* PROBLEM REQUIREMENTS *
State, as a number alone, how many lines of the entries contain the word "IFCRELAGGREGATES".

* SUPPLIED MATERIAL *

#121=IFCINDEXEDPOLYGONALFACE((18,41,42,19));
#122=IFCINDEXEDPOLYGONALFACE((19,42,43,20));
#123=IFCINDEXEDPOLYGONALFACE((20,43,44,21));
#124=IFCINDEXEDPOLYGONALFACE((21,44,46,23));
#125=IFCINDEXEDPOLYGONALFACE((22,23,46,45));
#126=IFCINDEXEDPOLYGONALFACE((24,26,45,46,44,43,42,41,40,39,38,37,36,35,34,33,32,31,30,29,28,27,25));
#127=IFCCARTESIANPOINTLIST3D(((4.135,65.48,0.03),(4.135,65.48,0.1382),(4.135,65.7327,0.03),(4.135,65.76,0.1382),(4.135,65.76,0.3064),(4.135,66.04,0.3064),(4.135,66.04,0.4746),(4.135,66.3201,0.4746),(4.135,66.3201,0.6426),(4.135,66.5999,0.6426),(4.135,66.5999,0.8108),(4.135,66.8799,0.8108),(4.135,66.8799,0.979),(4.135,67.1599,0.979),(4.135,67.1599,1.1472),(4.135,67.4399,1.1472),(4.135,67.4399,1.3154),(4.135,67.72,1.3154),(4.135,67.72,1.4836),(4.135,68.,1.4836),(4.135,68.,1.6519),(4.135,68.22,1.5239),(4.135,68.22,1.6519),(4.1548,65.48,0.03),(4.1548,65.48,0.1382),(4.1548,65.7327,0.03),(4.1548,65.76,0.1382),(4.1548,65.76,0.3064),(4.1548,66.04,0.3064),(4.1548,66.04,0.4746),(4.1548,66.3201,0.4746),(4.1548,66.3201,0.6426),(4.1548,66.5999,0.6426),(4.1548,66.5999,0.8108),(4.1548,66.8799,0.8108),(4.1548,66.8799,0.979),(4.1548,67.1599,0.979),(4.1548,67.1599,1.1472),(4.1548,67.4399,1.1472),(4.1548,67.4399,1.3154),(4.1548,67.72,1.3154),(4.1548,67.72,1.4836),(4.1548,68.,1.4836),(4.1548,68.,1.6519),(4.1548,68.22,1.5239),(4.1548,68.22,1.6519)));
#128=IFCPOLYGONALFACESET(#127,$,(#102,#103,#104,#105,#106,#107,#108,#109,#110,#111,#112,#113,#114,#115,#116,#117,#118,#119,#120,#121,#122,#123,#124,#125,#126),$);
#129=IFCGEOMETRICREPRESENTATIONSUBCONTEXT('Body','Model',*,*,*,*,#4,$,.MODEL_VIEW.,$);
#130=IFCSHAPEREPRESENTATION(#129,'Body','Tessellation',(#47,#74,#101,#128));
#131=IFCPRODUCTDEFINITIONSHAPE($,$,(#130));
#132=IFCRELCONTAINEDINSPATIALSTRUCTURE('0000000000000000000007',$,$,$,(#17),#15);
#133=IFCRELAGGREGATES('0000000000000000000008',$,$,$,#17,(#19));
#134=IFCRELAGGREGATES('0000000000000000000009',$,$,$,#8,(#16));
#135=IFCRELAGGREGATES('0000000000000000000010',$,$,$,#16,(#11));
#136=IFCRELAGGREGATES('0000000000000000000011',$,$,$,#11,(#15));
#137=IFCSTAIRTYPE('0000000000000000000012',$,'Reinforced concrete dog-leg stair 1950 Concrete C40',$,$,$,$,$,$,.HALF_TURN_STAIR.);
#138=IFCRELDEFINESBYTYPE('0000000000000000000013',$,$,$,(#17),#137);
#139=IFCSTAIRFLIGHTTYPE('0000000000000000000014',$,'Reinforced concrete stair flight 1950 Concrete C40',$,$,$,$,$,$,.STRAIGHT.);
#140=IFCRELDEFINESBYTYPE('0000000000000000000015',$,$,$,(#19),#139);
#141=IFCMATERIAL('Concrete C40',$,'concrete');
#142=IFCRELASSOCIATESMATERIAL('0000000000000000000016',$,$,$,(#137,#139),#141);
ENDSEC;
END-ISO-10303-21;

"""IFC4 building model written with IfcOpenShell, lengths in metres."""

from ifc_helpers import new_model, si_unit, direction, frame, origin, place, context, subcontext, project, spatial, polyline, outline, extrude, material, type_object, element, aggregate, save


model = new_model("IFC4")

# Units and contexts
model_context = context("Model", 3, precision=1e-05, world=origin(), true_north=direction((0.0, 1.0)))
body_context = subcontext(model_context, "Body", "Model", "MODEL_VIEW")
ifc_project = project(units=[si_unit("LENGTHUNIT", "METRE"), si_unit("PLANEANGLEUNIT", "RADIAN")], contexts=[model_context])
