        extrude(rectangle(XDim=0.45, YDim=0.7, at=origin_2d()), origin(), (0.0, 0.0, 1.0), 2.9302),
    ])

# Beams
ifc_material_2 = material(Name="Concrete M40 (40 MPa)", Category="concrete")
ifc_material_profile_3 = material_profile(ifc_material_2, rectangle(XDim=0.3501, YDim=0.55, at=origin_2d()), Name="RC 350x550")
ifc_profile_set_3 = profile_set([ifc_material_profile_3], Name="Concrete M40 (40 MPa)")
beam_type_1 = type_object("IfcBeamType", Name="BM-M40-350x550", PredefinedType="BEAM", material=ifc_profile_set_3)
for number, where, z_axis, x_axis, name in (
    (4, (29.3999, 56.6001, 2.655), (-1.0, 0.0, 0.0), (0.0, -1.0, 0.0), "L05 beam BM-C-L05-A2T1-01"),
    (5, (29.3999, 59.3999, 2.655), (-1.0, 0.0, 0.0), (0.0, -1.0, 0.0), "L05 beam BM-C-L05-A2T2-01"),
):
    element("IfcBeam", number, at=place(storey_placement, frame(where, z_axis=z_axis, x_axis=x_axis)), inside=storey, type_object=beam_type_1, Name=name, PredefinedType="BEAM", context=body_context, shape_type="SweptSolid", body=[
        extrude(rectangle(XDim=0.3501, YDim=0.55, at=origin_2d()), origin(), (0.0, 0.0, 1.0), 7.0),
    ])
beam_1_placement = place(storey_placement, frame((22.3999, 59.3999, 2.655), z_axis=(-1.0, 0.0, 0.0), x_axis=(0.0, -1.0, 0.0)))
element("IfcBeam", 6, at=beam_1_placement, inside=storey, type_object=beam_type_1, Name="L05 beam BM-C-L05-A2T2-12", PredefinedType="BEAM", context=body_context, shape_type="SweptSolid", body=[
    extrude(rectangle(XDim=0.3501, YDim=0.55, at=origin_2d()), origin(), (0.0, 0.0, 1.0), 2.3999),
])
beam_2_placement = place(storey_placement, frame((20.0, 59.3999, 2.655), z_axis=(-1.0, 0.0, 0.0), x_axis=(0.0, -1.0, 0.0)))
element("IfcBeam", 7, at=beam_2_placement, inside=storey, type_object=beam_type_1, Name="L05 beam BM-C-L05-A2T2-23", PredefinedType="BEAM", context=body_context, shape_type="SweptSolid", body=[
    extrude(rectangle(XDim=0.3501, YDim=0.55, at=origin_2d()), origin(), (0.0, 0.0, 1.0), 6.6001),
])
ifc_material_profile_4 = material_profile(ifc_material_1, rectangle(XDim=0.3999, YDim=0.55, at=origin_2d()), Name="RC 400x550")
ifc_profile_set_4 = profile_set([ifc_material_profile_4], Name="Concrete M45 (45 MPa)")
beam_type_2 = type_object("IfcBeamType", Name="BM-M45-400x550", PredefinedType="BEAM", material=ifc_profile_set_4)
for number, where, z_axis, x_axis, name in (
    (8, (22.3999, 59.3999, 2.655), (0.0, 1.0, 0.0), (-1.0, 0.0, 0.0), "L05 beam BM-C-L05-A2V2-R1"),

* WRITTEN RESPONSE *
4